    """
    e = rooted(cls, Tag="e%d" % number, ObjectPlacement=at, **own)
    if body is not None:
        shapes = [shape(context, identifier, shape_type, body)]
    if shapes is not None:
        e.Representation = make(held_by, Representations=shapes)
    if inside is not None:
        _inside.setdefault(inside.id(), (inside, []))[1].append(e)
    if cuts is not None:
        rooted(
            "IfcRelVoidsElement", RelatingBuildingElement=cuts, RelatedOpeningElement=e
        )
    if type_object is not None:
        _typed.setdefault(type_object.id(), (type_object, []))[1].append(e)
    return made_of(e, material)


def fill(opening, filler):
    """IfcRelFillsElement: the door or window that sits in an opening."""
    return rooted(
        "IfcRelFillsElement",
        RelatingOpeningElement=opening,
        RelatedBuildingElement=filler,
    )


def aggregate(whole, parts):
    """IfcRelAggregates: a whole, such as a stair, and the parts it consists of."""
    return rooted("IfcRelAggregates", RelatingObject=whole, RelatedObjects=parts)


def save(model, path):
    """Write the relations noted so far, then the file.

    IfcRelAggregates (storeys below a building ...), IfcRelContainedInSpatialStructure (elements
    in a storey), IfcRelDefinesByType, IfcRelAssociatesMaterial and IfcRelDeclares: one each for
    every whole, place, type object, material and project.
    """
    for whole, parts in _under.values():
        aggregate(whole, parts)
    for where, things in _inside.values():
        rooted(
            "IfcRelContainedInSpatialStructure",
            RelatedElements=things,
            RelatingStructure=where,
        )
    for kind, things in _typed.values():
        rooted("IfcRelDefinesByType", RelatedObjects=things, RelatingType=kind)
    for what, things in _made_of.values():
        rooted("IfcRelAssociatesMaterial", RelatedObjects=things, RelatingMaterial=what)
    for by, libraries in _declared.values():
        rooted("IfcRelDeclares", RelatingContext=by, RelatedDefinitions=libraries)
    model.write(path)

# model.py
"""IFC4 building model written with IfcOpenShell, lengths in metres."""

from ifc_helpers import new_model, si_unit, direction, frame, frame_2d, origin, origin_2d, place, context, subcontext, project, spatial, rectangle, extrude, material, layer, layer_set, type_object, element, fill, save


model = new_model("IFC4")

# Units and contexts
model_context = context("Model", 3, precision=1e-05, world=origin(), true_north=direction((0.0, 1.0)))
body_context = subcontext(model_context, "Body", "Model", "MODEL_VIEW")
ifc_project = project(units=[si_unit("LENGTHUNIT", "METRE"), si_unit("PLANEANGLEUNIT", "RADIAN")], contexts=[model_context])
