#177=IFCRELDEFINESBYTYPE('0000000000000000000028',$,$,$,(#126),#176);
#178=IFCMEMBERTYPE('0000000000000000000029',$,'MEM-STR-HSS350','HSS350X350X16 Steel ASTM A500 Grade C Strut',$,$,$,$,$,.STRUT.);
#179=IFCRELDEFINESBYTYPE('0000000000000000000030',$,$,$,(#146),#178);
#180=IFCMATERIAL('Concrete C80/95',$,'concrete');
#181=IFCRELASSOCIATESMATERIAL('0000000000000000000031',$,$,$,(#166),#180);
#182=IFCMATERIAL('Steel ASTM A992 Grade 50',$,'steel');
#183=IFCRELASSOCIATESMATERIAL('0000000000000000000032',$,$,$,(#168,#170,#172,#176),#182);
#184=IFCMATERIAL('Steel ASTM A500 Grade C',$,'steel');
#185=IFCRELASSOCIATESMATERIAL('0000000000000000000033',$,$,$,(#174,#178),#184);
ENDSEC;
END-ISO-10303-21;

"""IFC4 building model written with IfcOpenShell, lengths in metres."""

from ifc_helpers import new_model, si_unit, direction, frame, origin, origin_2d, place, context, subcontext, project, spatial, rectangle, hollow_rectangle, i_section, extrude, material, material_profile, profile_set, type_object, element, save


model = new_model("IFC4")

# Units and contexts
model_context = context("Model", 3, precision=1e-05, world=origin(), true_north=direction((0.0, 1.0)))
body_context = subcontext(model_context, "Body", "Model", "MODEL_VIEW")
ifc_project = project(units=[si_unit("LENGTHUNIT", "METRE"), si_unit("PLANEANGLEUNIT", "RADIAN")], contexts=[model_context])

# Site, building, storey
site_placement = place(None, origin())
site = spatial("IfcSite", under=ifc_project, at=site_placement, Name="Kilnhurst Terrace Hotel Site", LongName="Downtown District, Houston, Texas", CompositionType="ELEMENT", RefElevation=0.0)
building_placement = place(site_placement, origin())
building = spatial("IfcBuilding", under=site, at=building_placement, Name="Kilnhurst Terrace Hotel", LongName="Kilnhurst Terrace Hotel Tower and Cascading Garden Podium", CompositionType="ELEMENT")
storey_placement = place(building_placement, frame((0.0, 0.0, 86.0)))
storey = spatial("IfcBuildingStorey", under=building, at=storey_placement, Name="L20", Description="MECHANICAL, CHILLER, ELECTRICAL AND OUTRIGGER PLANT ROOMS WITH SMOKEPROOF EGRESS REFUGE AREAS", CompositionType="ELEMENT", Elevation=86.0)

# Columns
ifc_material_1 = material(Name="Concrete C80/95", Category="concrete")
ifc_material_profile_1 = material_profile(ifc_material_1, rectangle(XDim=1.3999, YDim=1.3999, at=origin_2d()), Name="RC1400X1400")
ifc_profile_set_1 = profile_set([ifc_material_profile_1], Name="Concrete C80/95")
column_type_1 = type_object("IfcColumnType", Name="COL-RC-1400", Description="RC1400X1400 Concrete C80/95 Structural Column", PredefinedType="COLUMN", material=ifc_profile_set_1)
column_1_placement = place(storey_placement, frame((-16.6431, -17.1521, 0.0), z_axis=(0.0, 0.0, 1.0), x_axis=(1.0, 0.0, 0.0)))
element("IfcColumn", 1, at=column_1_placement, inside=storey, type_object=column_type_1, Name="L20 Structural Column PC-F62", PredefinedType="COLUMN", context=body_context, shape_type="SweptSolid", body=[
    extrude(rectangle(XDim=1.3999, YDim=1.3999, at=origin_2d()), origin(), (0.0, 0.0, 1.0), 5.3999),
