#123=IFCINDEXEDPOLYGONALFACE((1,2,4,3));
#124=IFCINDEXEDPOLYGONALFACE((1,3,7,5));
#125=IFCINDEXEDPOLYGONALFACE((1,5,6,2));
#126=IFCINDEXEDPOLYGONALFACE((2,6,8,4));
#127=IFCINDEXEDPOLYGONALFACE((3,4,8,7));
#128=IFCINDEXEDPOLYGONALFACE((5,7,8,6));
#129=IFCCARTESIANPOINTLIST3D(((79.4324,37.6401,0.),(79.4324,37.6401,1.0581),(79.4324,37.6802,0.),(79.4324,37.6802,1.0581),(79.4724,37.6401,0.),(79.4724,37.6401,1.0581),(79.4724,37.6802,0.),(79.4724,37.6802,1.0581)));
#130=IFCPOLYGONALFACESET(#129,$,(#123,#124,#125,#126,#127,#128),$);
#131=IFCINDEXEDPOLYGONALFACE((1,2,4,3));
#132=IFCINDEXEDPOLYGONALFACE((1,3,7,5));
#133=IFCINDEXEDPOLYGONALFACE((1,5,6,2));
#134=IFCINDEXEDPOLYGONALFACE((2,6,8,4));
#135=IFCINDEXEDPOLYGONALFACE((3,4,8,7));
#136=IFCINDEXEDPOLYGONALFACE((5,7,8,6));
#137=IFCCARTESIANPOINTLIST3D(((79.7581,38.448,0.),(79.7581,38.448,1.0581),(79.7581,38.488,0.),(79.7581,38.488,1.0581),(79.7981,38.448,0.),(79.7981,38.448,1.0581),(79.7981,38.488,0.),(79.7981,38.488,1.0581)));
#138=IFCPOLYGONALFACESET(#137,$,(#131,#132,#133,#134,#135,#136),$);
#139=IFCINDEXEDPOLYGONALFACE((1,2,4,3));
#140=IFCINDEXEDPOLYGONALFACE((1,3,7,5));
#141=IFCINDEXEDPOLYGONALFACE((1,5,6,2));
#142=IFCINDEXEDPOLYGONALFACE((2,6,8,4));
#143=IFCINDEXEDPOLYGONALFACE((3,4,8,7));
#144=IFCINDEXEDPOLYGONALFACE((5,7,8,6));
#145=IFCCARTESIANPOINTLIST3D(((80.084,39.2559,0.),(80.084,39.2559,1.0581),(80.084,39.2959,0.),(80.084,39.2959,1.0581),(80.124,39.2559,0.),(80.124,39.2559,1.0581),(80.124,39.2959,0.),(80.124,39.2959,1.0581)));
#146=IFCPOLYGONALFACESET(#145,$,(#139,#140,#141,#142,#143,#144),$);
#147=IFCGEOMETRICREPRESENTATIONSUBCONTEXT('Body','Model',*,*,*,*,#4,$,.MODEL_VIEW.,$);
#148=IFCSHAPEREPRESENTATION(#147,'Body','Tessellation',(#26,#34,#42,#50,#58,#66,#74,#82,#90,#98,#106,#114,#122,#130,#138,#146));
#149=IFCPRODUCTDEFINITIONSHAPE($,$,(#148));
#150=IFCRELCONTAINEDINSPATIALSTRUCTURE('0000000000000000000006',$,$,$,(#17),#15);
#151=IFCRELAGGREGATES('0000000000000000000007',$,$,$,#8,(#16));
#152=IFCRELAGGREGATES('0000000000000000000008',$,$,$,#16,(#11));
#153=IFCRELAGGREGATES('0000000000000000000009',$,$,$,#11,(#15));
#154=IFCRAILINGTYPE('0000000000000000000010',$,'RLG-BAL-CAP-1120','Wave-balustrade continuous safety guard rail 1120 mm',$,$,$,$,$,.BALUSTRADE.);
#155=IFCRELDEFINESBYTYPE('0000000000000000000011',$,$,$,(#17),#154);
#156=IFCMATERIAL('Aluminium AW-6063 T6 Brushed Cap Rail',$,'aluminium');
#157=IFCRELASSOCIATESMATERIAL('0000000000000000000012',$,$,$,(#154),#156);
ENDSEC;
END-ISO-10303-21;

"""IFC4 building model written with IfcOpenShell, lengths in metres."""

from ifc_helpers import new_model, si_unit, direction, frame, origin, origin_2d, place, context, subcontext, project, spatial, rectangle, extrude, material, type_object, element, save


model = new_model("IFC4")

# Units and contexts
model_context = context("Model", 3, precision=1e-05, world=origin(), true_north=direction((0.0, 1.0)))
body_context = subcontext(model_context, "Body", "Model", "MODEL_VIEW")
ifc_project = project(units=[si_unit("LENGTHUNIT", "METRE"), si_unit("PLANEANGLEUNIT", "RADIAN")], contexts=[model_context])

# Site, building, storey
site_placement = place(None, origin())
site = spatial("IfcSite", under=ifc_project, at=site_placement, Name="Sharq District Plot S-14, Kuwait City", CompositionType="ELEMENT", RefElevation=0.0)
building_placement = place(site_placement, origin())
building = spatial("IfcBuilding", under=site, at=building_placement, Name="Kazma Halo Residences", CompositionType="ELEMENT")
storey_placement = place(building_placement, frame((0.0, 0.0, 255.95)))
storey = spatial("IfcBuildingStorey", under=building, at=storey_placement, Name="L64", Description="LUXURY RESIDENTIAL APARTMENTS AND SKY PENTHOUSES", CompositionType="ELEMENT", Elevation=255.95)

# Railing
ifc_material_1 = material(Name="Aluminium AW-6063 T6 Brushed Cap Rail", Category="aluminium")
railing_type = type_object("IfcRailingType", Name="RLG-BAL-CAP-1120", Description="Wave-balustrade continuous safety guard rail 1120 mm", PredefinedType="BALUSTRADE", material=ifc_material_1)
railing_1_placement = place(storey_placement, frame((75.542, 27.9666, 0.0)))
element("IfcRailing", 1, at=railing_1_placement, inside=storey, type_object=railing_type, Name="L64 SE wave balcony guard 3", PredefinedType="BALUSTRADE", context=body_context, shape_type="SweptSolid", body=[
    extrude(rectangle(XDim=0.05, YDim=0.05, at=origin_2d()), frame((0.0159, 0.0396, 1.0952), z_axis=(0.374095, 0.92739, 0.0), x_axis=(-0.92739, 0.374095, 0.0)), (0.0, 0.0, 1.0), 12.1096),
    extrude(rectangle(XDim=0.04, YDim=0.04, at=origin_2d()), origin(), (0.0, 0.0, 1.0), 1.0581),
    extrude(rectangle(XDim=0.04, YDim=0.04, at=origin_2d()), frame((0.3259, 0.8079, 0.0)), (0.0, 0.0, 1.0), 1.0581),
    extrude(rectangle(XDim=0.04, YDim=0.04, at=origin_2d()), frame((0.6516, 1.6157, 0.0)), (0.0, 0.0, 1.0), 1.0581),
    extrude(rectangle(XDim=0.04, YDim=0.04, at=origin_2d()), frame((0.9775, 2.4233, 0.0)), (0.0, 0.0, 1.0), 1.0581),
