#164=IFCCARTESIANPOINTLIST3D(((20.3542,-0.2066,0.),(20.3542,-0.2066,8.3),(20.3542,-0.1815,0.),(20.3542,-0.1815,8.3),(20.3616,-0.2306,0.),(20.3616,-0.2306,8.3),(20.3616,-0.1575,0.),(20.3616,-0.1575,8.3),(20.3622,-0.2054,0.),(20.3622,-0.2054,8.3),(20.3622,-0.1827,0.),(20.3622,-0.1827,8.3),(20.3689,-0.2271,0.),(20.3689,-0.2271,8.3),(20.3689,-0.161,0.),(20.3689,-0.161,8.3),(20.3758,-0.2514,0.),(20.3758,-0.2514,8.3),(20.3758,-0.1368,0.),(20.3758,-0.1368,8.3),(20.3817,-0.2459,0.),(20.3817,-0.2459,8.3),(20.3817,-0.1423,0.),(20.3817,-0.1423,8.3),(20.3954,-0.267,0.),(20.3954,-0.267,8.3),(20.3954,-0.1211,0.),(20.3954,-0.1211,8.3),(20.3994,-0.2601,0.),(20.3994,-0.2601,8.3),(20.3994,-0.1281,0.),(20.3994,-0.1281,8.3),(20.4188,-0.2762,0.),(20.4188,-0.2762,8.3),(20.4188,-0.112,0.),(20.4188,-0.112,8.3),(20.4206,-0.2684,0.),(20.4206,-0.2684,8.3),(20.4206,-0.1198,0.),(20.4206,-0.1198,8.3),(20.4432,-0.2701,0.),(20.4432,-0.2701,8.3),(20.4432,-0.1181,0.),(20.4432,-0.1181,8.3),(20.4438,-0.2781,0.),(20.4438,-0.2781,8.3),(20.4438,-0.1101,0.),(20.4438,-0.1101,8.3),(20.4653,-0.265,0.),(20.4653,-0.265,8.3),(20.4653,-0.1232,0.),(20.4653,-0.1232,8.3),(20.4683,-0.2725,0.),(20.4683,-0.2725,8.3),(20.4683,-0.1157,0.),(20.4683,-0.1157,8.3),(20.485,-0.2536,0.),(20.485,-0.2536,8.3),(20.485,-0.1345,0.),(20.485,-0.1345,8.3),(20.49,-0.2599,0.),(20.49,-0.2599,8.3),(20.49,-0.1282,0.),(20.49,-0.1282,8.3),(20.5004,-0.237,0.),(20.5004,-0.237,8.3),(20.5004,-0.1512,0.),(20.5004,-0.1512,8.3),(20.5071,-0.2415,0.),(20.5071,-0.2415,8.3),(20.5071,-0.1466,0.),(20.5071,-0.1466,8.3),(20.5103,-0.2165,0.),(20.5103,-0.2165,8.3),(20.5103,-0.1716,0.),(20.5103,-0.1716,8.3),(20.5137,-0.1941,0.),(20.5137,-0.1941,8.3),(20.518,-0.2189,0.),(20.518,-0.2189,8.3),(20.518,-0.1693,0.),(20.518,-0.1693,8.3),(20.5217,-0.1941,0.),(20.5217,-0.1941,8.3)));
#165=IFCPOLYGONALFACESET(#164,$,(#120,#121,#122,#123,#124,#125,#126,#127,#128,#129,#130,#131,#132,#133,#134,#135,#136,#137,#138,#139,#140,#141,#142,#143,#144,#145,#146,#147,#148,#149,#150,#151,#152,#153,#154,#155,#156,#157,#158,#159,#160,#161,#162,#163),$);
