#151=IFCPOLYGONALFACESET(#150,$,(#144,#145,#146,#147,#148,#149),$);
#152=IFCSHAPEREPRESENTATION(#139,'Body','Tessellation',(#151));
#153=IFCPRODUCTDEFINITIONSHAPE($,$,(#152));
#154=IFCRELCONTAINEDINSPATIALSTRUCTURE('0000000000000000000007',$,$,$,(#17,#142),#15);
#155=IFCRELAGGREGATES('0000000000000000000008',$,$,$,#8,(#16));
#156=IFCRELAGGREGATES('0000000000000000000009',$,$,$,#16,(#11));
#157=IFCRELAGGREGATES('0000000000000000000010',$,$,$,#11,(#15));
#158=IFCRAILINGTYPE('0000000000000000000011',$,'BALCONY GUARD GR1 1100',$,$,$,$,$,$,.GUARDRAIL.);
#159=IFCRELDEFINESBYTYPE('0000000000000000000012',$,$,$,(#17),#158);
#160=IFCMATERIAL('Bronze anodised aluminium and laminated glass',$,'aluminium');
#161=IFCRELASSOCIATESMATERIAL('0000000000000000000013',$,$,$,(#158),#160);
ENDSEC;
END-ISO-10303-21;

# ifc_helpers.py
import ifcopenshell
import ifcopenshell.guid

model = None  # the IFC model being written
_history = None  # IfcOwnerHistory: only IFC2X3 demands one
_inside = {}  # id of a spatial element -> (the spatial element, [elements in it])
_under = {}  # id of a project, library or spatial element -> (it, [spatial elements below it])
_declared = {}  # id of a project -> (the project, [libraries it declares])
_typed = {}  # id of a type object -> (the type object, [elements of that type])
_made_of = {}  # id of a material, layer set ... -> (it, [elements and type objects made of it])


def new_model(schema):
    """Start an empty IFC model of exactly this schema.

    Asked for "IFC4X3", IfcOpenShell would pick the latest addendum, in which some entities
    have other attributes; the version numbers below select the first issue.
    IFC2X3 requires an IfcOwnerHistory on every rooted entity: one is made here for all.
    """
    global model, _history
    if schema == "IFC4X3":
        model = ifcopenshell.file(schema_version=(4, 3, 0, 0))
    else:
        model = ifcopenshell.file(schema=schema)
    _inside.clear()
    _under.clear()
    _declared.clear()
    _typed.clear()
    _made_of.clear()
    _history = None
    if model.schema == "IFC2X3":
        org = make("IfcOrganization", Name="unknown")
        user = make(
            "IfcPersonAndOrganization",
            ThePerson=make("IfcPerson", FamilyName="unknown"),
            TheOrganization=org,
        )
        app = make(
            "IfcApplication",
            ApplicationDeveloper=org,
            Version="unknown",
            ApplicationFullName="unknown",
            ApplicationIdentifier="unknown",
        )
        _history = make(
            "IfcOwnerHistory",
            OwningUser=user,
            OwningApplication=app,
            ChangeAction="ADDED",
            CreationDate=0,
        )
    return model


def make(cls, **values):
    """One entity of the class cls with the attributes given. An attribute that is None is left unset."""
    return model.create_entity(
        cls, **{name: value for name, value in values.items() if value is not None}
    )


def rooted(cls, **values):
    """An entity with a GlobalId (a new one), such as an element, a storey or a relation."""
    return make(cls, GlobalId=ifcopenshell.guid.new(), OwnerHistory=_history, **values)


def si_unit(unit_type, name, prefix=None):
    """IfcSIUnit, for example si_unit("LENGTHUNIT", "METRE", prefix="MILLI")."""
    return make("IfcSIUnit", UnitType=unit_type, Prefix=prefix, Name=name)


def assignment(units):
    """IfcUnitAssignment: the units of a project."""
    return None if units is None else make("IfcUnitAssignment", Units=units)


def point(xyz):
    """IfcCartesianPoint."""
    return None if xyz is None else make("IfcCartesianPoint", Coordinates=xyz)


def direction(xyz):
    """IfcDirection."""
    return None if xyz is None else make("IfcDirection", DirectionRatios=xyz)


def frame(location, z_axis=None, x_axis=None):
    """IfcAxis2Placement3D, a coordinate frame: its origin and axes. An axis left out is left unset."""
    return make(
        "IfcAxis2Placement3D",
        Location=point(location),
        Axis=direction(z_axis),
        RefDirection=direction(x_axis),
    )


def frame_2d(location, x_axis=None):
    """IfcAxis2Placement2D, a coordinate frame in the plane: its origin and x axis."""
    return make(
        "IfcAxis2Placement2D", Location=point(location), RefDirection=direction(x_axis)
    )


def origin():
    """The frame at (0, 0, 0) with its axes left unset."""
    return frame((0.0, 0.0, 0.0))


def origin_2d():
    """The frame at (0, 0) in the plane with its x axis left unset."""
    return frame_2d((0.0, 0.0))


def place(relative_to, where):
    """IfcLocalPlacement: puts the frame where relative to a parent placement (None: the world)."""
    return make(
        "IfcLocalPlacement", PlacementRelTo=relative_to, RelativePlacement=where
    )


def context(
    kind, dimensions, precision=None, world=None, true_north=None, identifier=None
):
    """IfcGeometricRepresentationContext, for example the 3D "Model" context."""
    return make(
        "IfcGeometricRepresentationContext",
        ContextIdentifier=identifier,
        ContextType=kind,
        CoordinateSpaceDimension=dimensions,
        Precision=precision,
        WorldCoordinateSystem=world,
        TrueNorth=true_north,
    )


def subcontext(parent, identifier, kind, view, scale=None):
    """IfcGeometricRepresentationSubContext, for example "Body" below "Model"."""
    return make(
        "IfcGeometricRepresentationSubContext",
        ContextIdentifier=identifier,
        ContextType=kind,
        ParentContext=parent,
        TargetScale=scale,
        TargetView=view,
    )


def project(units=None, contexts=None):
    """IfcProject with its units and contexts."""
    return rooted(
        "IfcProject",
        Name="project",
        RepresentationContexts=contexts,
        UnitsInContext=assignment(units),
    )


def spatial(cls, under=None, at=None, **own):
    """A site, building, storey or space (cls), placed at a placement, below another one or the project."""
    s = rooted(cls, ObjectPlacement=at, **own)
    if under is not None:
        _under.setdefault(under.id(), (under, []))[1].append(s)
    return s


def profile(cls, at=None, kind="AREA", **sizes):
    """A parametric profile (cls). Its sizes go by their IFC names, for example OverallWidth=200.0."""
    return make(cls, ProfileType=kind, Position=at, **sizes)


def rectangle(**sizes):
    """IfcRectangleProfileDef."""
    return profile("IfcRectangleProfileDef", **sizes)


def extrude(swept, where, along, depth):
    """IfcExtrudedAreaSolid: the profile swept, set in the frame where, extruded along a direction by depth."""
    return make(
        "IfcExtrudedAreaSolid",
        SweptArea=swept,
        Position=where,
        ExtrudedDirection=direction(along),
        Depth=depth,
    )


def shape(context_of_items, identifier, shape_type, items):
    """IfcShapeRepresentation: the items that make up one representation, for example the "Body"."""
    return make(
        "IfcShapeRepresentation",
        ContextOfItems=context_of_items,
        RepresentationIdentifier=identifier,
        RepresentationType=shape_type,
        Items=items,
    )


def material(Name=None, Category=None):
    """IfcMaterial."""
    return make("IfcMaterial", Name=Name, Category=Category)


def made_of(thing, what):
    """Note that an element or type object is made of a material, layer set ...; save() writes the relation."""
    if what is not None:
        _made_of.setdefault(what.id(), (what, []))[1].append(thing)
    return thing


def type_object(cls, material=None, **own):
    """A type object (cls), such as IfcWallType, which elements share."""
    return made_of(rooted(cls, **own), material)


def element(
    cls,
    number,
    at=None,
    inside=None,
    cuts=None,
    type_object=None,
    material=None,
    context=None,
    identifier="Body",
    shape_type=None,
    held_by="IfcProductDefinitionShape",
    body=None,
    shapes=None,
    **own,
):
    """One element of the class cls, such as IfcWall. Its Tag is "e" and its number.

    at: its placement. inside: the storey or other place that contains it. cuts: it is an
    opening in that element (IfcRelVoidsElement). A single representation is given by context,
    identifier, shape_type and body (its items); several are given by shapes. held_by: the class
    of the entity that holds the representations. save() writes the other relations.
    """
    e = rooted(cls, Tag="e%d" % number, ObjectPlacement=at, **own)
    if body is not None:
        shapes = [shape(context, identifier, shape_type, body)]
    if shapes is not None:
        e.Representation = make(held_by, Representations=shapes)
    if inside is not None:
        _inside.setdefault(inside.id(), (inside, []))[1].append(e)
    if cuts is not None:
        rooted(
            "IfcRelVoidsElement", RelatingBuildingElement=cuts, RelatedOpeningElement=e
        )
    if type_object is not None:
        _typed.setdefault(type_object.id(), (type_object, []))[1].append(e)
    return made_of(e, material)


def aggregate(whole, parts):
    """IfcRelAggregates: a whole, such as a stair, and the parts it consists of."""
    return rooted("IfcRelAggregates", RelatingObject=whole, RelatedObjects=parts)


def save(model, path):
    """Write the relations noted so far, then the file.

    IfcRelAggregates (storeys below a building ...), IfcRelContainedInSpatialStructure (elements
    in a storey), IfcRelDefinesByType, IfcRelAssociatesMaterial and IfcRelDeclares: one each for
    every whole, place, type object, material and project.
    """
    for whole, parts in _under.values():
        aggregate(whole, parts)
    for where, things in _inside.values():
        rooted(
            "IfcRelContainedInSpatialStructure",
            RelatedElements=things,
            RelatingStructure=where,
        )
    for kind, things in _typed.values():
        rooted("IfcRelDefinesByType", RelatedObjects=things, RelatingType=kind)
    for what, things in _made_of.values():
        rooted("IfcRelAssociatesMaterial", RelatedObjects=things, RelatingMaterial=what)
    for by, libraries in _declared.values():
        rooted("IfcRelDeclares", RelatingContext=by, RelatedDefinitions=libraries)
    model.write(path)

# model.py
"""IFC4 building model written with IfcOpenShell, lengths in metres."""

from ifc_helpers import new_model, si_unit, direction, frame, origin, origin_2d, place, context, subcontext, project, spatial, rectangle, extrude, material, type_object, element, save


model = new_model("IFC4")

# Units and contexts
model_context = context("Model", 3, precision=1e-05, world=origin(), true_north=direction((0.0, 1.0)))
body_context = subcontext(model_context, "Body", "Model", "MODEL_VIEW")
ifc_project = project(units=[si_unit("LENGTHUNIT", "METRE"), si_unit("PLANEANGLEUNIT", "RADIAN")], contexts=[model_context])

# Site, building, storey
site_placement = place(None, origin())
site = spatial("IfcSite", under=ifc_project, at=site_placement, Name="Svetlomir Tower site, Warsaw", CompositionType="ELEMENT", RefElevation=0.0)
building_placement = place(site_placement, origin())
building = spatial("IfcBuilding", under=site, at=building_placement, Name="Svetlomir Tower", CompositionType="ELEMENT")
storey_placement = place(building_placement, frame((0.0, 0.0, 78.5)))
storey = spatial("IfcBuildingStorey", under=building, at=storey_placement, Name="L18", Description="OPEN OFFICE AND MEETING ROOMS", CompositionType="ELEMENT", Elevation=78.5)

══════

EXERCISE DIRECTIONS — Wherever a line in the records contains the word "ASTM", copy that line.

SOLUTION FOR THIS PROBLEM —
#178=IFCMEMBERTYPE('0000000000000000000029',$,'MEM-STR-HSS350','HSS350X350X16 Steel ASTM A500 Grade C Strut',$,$,$,$,$,.STRUT.);
#182=IFCMATERIAL('Steel ASTM A992 Grade 50',$,'steel');
#184=IFCMATERIAL('Steel ASTM A500 Grade C',$,'steel');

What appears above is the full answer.